[Saved data entries]
╭──
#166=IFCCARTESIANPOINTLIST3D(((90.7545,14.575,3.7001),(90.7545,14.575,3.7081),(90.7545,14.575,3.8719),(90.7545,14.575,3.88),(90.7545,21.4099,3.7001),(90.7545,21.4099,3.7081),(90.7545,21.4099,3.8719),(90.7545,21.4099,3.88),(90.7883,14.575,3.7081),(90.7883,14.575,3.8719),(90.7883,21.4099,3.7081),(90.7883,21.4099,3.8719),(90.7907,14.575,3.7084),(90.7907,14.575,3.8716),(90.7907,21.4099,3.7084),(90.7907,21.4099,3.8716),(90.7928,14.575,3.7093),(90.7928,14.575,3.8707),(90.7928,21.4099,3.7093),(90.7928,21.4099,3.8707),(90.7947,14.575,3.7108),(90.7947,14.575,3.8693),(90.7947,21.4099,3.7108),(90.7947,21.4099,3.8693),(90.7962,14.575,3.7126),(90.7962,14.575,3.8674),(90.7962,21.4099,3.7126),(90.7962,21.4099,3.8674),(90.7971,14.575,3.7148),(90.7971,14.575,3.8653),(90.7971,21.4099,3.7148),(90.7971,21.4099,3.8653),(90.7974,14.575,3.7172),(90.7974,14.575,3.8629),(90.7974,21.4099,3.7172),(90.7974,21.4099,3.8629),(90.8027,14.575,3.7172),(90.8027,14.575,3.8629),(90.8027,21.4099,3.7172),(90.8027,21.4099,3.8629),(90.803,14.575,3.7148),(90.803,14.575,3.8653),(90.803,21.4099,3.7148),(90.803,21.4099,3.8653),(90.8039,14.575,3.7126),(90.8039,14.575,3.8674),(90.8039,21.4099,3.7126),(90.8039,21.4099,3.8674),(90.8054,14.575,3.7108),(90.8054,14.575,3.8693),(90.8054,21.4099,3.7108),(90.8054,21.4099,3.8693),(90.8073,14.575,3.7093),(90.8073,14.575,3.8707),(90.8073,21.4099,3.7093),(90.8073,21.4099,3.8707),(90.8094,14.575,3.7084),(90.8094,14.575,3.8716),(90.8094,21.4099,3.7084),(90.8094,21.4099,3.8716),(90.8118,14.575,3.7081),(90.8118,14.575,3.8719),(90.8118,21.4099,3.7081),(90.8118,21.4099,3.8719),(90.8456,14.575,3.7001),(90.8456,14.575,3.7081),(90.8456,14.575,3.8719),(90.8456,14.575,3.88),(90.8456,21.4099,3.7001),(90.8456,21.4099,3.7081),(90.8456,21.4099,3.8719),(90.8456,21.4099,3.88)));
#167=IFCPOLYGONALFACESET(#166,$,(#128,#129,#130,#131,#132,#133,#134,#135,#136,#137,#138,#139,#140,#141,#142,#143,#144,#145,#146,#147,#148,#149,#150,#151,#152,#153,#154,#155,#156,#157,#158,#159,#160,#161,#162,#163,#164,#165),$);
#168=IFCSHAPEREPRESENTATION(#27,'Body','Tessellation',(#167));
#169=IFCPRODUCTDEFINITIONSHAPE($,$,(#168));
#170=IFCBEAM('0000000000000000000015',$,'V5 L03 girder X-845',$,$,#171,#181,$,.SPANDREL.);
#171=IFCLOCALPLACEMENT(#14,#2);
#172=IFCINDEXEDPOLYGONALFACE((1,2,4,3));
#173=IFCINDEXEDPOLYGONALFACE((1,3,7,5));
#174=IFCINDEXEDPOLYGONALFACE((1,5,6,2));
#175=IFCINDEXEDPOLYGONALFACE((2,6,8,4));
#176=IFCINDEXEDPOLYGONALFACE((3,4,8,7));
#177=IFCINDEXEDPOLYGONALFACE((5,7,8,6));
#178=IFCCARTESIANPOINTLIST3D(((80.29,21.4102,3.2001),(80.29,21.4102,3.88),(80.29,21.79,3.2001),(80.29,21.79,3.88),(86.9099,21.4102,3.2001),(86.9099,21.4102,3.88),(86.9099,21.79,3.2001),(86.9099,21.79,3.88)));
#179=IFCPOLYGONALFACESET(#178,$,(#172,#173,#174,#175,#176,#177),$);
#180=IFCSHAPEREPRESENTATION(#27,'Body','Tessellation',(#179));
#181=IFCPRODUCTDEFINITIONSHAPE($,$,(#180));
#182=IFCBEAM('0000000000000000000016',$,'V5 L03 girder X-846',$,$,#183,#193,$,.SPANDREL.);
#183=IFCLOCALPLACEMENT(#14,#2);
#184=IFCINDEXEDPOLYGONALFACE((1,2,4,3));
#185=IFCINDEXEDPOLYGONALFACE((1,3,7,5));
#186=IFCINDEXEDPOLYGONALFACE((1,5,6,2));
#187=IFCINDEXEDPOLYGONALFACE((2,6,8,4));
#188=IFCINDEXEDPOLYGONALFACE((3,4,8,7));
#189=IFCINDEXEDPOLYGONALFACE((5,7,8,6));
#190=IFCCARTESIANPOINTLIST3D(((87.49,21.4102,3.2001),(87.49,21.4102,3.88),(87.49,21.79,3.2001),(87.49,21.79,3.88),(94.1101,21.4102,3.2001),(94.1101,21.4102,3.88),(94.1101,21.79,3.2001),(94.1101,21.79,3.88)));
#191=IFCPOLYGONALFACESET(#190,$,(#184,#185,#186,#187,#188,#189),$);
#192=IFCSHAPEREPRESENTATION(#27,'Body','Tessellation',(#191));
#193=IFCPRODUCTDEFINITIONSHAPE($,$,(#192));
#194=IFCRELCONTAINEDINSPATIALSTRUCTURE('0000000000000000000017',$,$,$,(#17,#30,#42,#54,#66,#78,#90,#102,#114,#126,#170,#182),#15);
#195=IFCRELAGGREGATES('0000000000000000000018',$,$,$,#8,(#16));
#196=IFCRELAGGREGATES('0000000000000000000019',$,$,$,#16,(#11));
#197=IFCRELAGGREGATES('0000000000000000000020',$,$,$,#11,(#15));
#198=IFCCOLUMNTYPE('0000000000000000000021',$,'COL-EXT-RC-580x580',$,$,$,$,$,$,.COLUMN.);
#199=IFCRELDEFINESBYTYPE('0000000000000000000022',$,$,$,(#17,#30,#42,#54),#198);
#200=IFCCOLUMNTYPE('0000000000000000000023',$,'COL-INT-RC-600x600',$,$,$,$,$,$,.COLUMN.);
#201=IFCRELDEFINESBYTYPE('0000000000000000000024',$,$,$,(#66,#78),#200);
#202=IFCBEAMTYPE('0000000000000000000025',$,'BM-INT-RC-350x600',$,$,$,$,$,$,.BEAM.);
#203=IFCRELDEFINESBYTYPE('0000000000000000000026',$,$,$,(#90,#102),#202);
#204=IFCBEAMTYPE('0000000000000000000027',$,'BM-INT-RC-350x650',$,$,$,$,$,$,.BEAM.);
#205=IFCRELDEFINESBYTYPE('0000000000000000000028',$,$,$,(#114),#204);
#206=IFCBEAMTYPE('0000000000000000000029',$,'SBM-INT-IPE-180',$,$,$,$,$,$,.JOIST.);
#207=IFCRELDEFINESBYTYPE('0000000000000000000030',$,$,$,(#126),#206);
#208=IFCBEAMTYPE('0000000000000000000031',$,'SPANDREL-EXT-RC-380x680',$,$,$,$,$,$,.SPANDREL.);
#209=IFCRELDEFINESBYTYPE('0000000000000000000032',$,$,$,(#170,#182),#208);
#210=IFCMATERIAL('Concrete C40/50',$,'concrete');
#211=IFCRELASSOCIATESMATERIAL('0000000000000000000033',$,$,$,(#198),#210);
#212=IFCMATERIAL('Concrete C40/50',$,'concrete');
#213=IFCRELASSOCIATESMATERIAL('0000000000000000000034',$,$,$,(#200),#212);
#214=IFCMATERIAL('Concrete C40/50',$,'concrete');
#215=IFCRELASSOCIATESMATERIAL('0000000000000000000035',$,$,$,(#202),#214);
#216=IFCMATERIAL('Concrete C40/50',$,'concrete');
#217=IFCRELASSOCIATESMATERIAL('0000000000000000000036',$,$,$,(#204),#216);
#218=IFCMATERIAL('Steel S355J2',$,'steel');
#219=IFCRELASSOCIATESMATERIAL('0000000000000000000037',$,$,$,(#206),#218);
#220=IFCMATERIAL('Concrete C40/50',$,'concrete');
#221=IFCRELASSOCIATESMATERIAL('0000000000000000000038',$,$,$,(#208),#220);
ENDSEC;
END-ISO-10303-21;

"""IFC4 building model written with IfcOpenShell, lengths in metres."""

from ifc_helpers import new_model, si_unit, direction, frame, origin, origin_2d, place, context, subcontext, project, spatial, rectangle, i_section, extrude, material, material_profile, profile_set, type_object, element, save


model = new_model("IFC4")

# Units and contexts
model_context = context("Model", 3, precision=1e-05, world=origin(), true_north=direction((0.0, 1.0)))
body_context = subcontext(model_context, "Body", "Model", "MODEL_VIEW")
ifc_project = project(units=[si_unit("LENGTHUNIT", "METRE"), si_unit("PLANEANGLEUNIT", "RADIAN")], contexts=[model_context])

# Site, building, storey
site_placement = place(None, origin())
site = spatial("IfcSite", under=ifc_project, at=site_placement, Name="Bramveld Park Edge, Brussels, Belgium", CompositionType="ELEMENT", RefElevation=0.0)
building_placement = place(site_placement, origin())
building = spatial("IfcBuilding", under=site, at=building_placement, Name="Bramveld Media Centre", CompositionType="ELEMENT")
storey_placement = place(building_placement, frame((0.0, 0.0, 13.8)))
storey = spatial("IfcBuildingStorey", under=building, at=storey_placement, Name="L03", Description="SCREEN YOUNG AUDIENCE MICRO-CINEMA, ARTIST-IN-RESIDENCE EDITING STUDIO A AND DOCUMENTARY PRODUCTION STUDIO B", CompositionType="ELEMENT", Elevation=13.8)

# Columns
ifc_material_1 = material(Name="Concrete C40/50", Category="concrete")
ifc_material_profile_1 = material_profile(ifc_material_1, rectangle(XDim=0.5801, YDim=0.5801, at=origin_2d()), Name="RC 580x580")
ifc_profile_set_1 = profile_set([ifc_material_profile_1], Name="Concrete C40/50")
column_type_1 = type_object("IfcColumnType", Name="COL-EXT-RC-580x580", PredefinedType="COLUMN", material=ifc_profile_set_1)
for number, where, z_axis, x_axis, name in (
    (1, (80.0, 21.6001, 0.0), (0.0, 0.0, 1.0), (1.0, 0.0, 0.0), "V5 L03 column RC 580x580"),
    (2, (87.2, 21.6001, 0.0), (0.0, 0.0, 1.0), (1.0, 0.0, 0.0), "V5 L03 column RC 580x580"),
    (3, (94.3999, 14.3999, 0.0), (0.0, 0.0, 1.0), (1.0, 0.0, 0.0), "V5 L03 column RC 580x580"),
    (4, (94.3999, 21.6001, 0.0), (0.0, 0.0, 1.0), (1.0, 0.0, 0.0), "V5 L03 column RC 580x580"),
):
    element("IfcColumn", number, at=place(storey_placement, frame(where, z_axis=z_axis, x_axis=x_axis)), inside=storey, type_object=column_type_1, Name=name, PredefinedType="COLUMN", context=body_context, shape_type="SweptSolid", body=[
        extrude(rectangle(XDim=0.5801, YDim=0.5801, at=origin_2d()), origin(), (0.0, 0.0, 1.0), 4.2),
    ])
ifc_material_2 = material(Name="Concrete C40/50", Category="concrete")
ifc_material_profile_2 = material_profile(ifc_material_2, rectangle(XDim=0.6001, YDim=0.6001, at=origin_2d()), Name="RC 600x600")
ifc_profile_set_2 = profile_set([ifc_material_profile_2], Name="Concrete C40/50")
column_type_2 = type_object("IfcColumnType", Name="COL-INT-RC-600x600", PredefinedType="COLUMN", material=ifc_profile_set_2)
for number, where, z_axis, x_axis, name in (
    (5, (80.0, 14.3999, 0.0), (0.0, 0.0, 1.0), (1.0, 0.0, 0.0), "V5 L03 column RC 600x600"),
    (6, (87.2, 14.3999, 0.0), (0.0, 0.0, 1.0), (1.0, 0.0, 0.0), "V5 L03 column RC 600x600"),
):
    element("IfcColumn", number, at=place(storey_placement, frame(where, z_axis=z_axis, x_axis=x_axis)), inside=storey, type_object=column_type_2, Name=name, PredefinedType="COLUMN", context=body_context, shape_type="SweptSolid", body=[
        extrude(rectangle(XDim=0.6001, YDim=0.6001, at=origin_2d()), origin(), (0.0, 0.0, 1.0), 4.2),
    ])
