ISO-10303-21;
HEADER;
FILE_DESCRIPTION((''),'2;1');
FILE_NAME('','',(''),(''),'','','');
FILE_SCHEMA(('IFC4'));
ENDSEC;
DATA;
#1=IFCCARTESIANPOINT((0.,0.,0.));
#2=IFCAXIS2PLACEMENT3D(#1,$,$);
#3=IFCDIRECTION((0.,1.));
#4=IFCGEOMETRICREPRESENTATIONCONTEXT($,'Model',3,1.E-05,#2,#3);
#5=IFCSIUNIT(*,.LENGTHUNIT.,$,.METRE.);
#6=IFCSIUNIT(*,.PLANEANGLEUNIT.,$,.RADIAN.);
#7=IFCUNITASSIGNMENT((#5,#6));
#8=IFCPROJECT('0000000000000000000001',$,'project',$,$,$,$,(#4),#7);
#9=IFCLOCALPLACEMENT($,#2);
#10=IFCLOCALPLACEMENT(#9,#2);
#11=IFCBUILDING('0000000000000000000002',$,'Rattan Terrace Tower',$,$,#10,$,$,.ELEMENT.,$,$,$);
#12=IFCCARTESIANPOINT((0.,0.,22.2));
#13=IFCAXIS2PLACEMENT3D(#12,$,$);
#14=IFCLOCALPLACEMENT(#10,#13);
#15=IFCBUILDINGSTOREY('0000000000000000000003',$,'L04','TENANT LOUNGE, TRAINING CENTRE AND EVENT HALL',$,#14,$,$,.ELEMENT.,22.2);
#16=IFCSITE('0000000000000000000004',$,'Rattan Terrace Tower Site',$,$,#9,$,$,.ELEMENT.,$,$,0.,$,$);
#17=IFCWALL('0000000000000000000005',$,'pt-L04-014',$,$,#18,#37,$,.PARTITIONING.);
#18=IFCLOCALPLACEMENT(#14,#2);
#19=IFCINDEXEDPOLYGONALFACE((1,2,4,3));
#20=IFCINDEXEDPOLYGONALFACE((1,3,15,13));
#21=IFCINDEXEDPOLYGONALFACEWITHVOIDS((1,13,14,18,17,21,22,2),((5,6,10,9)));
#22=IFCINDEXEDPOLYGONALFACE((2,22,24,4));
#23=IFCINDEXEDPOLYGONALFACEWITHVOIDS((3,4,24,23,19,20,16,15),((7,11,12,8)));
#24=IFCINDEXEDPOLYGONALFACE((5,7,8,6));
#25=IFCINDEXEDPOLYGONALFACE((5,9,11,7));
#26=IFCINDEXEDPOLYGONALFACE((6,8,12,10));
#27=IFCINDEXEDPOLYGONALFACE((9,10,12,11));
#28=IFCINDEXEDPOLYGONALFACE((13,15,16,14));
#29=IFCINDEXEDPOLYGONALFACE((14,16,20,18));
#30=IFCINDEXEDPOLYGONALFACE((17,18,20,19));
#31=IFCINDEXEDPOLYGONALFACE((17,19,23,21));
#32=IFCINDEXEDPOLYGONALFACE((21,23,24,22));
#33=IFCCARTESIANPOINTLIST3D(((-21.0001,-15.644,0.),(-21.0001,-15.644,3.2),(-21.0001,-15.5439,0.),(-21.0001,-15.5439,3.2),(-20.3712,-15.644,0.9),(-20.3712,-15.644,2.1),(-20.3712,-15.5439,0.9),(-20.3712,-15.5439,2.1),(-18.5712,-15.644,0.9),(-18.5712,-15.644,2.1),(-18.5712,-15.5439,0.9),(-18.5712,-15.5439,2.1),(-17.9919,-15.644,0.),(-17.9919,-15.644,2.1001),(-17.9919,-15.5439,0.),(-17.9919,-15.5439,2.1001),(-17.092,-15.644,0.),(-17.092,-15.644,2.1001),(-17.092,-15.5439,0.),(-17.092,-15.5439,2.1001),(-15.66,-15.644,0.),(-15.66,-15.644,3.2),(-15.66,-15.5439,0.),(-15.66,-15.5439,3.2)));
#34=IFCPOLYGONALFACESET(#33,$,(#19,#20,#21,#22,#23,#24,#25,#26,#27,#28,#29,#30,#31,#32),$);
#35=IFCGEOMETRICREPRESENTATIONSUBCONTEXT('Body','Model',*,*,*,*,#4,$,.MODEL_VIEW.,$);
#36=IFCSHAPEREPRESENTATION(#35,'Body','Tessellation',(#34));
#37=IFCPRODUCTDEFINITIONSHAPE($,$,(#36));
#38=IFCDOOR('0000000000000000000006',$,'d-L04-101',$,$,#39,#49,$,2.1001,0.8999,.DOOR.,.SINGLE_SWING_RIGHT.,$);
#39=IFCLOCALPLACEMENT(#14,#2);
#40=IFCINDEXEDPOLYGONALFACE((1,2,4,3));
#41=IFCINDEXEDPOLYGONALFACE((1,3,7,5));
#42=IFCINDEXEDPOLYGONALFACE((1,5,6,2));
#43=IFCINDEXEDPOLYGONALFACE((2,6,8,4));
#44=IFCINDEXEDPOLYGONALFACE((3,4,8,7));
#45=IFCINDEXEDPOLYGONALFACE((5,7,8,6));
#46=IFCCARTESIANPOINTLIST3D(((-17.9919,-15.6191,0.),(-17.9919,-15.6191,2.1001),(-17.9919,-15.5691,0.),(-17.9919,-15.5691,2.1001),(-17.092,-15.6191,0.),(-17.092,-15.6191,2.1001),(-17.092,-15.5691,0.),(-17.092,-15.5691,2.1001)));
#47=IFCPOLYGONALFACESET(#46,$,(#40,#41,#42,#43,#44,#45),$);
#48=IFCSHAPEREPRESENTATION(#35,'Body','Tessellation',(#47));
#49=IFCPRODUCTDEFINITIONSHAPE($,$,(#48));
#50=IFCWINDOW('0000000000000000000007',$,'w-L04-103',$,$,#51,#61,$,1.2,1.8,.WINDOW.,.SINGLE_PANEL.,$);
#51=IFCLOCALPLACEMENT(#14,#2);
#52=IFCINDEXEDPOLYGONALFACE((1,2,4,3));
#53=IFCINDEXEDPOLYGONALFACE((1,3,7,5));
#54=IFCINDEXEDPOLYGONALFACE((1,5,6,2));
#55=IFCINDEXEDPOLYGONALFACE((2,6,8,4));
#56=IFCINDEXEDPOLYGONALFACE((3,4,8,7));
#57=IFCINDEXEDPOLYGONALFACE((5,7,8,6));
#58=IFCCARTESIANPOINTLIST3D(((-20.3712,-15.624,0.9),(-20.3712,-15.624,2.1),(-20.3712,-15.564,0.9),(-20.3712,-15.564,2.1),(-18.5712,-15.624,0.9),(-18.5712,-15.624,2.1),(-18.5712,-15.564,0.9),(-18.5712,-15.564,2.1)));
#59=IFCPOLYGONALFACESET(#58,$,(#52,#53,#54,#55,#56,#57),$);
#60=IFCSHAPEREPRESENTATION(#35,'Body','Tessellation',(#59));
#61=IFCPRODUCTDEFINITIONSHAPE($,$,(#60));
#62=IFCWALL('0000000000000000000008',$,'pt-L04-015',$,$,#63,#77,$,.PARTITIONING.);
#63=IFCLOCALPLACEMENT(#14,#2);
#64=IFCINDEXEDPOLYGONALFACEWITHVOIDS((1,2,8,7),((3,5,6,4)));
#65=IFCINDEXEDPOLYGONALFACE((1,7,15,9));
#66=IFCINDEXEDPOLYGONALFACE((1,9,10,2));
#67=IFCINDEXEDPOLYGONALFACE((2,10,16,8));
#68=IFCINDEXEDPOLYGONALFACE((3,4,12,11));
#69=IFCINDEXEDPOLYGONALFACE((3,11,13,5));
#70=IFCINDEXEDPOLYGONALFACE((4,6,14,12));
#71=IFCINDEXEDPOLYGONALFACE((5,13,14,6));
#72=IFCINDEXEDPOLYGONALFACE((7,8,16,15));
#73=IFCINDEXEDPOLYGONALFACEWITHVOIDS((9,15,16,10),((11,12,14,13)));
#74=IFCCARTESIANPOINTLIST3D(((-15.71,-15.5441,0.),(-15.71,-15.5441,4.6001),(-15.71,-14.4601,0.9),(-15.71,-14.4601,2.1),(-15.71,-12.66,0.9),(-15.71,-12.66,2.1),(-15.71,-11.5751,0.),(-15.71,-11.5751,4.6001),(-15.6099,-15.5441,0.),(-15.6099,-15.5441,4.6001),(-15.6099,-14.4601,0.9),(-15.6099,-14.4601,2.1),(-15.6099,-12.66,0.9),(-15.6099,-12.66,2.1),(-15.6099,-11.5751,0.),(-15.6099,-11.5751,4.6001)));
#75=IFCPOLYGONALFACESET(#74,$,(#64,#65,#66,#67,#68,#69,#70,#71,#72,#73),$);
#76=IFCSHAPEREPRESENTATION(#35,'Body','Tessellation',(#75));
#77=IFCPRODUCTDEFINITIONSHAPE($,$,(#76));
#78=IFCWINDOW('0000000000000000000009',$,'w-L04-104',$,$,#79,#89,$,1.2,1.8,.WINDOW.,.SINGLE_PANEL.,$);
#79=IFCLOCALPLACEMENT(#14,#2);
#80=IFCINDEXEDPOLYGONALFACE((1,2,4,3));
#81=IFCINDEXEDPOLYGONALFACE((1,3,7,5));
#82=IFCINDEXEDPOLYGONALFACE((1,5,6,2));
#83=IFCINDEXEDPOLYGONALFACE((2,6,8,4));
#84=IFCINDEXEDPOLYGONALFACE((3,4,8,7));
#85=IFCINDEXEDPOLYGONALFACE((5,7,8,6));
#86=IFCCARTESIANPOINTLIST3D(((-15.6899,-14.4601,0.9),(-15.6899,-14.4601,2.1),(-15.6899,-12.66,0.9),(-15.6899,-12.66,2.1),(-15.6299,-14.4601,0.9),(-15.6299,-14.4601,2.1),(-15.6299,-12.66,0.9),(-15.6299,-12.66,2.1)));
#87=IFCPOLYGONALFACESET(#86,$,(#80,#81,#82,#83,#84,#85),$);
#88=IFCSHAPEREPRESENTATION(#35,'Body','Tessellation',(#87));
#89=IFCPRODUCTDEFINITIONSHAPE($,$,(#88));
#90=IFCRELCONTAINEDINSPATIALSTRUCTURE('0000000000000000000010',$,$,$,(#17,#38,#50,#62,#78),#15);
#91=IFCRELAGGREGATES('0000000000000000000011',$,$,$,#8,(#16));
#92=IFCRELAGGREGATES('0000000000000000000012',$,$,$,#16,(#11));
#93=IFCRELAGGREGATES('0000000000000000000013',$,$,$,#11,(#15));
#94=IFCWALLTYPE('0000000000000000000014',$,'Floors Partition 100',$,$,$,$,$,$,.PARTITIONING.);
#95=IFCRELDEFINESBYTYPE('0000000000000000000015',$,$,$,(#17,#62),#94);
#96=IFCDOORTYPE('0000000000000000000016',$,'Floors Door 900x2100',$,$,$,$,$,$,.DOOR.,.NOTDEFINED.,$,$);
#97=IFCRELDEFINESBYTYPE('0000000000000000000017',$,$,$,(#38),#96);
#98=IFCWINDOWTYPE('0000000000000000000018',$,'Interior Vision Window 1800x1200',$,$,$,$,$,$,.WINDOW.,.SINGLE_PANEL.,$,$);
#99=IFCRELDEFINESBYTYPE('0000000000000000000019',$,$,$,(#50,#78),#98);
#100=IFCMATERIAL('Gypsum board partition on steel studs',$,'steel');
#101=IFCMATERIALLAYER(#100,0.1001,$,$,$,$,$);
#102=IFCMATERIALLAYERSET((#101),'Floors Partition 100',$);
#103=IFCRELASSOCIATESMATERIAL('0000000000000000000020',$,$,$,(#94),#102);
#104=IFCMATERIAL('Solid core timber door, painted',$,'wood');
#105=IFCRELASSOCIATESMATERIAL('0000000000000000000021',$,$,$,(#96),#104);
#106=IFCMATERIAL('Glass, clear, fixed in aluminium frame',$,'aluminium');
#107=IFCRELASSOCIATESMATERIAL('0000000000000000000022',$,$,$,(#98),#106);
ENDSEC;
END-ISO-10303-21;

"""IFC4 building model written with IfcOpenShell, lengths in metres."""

from ifc_helpers import new_model, si_unit, direction, frame, frame_2d, origin, place, context, subcontext, project, spatial, rectangle, extrude, material, layer, layer_set, type_object, element, fill, save


model = new_model("IFC4")

# Units and contexts
model_context = context("Model", 3, precision=1e-05, world=origin(), true_north=direction((0.0, 1.0)))
body_context = subcontext(model_context, "Body", "Model", "MODEL_VIEW")
ifc_project = project(units=[si_unit("LENGTHUNIT", "METRE"), si_unit("PLANEANGLEUNIT", "RADIAN")], contexts=[model_context])

# Site, building, storey
site_placement = place(None, origin())
site = spatial("IfcSite", under=ifc_project, at=site_placement, Name="Rattan Terrace Tower Site", CompositionType="ELEMENT", RefElevation=0.0)
building_placement = place(site_placement, origin())
building = spatial("IfcBuilding", under=site, at=building_placement, Name="Rattan Terrace Tower", CompositionType="ELEMENT")
storey_placement = place(building_placement, frame((0.0, 0.0, 22.2)))
storey = spatial("IfcBuildingStorey", under=building, at=storey_placement, Name="L04", Description="TENANT LOUNGE, TRAINING CENTRE AND EVENT HALL", CompositionType="ELEMENT", Elevation=22.2)

# Wall, openings, door, window
ifc_material_1 = material(Name="Gypsum board partition on steel studs", Category="steel")
ifc_layer = layer(ifc_material_1, 0.1001)
ifc_layer_set = layer_set([ifc_layer], Name="Floors Partition 100")
wall_type = type_object("IfcWallType", Name="Floors Partition 100", PredefinedType="PARTITIONING", material=ifc_layer_set)
wall_1_placement = place(storey_placement, frame((-21.0, -15.594, 0.0), z_axis=(0.0, 0.0, 1.0), x_axis=(1.0, 0.0, 0.0)))
wall_1 = element("IfcWall", 1, at=wall_1_placement, inside=storey, type_object=wall_type, Name="pt-L04-014", PredefinedType="PARTITIONING", context=body_context, shape_type="SweptSolid", body=[
    extrude(rectangle(XDim=5.3401, YDim=0.1001, at=frame_2d((2.6699, 0.0))), origin(), (0.0, 0.0, 1.0), 3.2),
])
opening_1_placement = place(wall_1_placement, frame((3.0081, 0.0, 0.0)))
opening_1 = element("IfcOpeningElement", 2, at=opening_1_placement, cuts=wall_1, PredefinedType="OPENING", context=body_context, shape_type="SweptSolid", body=[
    extrude(rectangle(XDim=0.8999, YDim=2.1001, at=frame_2d((0.45, 1.05))), frame((0.0, 0.0605, 0.0), z_axis=(0.0, -1.0, 0.0), x_axis=(1.0, 0.0, 0.0)), (0.0, 0.0, 1.0), 0.1211),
╰──
* [Directions]: For every line above that includes the string "IFCRELAGGREGATES", copy the line.

* [Written solution]:
#195=IFCRELAGGREGATES('0000000000000000000018',$,$,$,#8,(#16));
#196=IFCRELAGGREGATES('0000000000000000000019',$,$,$,#16,(#11));
#197=IFCRELAGGREGATES('0000000000000000000020',$,$,$,#11,(#15));
#91=IFCRELAGGREGATES('0000000000000000000011',$,$,$,#8,(#16));
#92=IFCRELAGGREGATES('0000000000000000000012',$,$,$,#16,(#11));
#93=IFCRELAGGREGATES('0000000000000000000013',$,$,$,#11,(#15));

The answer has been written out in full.